[TASK INSTRUCTIONS] In the entries below, find every line with the string "IfcGeometricRepresentationSubContext" and copy it.

── RECORDS PROVIDED ──

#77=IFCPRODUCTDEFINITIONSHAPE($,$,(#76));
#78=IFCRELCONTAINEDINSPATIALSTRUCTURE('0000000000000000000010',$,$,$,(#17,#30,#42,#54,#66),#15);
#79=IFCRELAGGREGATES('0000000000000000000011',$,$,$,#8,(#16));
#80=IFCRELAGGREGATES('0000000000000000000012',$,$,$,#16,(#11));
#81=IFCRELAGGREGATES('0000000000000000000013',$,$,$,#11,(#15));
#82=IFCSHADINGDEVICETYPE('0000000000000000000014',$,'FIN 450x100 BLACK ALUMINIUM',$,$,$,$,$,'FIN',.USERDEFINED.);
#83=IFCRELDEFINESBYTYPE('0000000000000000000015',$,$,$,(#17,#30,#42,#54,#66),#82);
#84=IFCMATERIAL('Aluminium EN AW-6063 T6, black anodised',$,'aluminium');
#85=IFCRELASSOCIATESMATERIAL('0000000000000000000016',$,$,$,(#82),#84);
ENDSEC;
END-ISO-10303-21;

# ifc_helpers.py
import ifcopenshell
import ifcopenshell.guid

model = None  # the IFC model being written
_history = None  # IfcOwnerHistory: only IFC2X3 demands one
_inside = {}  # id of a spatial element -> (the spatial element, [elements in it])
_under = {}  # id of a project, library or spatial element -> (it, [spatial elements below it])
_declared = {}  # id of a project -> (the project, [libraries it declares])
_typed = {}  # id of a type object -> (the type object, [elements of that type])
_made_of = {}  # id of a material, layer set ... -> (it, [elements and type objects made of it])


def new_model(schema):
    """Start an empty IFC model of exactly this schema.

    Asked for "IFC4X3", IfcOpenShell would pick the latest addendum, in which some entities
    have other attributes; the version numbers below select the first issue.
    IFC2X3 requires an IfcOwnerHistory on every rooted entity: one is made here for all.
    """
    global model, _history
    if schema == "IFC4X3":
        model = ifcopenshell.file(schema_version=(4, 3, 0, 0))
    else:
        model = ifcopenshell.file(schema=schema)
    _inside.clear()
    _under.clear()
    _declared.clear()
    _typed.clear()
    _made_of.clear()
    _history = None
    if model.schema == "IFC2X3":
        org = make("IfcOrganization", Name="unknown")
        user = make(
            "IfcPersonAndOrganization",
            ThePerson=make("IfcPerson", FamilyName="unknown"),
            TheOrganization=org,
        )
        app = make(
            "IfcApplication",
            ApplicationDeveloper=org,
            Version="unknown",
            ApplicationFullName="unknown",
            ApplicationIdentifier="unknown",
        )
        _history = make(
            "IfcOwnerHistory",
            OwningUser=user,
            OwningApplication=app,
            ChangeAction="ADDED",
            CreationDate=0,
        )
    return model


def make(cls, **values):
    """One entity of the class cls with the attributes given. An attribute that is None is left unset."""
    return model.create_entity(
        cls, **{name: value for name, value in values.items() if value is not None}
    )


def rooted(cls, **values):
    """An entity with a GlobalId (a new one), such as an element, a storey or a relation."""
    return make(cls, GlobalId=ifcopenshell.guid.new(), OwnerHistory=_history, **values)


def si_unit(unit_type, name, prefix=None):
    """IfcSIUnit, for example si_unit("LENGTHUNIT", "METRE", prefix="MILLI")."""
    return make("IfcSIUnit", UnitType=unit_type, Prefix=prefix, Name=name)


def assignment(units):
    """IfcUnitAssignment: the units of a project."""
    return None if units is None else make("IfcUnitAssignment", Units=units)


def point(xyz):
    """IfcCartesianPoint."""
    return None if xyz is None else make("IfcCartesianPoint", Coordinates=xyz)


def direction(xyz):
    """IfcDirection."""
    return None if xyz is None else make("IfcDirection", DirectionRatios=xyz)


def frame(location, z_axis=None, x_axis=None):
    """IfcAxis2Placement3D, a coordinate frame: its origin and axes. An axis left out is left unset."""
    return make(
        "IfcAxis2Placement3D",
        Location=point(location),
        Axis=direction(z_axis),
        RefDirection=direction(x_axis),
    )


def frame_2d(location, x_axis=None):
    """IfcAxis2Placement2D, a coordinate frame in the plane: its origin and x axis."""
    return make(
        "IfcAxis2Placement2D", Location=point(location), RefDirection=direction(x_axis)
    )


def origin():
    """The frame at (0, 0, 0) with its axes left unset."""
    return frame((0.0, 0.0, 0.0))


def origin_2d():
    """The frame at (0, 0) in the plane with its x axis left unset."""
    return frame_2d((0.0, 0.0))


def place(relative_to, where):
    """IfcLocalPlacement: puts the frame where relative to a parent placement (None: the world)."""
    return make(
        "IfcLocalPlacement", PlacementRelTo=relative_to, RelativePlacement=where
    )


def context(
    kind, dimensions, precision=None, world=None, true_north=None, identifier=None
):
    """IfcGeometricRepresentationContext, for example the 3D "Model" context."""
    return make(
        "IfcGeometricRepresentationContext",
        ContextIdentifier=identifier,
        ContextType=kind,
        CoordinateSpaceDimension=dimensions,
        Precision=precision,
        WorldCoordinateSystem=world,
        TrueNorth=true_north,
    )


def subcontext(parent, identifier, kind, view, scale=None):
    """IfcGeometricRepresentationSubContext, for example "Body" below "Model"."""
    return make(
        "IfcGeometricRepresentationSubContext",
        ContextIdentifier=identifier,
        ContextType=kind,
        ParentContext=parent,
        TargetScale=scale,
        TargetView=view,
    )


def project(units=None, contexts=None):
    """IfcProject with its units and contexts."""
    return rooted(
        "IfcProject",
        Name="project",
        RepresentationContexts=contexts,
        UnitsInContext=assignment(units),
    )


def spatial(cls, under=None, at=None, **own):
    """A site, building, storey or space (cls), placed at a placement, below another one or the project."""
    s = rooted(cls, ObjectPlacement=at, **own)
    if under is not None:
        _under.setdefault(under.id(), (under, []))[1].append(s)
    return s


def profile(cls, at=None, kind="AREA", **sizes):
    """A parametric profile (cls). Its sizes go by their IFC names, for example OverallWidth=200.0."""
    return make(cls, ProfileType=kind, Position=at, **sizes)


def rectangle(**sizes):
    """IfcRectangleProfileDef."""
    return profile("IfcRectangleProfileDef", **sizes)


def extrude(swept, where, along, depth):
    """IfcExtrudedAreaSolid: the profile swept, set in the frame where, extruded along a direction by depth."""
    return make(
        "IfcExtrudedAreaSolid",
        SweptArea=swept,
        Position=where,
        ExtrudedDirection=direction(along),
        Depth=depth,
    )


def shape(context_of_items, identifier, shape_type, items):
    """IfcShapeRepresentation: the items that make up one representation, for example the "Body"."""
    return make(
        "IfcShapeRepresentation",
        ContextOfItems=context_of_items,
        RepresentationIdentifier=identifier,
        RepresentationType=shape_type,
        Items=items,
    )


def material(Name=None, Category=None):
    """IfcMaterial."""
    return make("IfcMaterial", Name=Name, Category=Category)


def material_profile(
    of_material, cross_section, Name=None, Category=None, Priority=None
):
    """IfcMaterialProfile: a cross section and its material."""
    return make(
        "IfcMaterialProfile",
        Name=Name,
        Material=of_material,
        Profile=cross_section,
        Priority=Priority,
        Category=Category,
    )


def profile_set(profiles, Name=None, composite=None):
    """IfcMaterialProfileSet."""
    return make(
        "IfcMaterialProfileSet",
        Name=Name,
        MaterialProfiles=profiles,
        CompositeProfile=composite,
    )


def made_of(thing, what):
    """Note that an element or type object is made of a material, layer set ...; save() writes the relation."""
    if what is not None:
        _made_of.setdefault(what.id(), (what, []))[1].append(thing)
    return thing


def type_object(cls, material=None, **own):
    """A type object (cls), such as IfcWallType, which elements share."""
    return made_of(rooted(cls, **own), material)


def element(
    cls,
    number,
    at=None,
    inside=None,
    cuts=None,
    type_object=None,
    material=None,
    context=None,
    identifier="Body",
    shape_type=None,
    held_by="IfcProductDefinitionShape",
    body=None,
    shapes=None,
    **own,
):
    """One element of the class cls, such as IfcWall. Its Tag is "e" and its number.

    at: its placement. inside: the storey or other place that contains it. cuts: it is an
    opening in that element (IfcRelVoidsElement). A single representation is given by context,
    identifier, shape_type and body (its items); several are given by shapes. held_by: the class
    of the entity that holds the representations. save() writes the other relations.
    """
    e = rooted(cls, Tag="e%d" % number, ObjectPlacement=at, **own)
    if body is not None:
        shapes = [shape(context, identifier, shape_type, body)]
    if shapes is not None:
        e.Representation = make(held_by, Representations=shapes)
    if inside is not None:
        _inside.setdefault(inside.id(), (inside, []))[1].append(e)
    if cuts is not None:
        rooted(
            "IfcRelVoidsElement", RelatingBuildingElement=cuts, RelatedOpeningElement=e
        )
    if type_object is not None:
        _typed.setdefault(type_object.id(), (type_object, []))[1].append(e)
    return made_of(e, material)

───
── RECORDS PROVIDED ──

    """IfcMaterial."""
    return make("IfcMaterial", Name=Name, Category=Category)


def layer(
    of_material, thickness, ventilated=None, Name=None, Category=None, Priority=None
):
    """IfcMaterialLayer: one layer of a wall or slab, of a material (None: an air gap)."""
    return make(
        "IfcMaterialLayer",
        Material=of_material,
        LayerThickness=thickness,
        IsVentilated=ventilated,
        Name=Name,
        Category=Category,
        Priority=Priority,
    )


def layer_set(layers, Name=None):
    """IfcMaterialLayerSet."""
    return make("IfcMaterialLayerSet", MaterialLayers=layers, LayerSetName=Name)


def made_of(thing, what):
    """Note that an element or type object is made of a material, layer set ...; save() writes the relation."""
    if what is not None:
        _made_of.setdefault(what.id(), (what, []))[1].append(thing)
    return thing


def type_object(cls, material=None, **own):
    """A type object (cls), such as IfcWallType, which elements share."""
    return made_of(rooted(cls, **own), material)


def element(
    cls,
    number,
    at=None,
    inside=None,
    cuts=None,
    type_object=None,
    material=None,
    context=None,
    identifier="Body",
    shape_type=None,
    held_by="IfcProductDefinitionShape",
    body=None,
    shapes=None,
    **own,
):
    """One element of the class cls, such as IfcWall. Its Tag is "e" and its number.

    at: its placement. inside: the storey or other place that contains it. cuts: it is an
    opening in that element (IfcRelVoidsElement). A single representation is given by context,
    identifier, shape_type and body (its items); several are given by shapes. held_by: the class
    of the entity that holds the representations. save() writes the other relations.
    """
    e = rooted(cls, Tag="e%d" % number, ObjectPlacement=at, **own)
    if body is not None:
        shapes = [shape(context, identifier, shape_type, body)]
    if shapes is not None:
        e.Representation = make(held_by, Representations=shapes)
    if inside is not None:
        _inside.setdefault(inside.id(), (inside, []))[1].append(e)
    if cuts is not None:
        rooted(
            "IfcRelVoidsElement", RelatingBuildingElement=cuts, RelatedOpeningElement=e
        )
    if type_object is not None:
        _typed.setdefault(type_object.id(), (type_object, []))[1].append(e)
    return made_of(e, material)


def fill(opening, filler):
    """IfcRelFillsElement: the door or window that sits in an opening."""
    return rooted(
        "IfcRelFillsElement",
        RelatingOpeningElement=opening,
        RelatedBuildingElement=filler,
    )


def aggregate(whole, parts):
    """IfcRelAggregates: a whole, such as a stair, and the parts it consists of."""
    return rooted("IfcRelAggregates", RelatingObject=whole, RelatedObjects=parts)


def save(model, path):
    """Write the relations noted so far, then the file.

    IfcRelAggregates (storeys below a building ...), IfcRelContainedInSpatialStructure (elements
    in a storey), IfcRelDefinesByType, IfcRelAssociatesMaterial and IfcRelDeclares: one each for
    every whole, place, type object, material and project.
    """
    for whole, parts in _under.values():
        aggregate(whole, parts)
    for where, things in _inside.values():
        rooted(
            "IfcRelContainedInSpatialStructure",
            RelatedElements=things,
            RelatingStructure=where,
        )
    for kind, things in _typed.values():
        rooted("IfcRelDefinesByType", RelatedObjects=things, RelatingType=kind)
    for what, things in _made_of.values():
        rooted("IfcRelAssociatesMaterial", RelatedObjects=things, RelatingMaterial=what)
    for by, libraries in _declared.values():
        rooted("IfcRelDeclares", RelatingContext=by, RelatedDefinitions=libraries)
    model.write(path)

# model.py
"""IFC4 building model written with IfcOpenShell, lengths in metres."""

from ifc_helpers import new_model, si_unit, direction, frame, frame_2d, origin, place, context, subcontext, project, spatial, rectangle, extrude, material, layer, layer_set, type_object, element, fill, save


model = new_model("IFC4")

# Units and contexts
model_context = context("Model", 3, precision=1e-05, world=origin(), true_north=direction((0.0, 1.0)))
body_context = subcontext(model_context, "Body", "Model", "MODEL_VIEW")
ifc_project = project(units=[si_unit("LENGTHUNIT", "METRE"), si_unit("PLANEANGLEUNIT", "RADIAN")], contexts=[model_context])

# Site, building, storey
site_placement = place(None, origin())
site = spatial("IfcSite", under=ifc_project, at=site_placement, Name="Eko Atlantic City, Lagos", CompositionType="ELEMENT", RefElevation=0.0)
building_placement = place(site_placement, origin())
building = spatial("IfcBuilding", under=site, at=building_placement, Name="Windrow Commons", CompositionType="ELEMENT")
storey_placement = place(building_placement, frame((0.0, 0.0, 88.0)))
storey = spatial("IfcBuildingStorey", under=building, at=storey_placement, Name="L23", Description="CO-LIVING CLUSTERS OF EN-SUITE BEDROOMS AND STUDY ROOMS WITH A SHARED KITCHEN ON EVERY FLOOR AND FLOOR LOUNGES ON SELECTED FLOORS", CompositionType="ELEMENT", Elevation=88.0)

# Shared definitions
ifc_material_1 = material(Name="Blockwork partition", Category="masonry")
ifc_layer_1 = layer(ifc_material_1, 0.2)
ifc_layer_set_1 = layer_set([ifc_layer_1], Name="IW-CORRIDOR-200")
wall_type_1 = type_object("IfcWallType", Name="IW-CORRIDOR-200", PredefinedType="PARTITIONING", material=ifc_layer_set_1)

───

[SOLUTION TO THIS TASK]
    """IfcGeometricRepresentationSubContext, for example "Body" below "Model"."""
        "IfcGeometricRepresentationSubContext",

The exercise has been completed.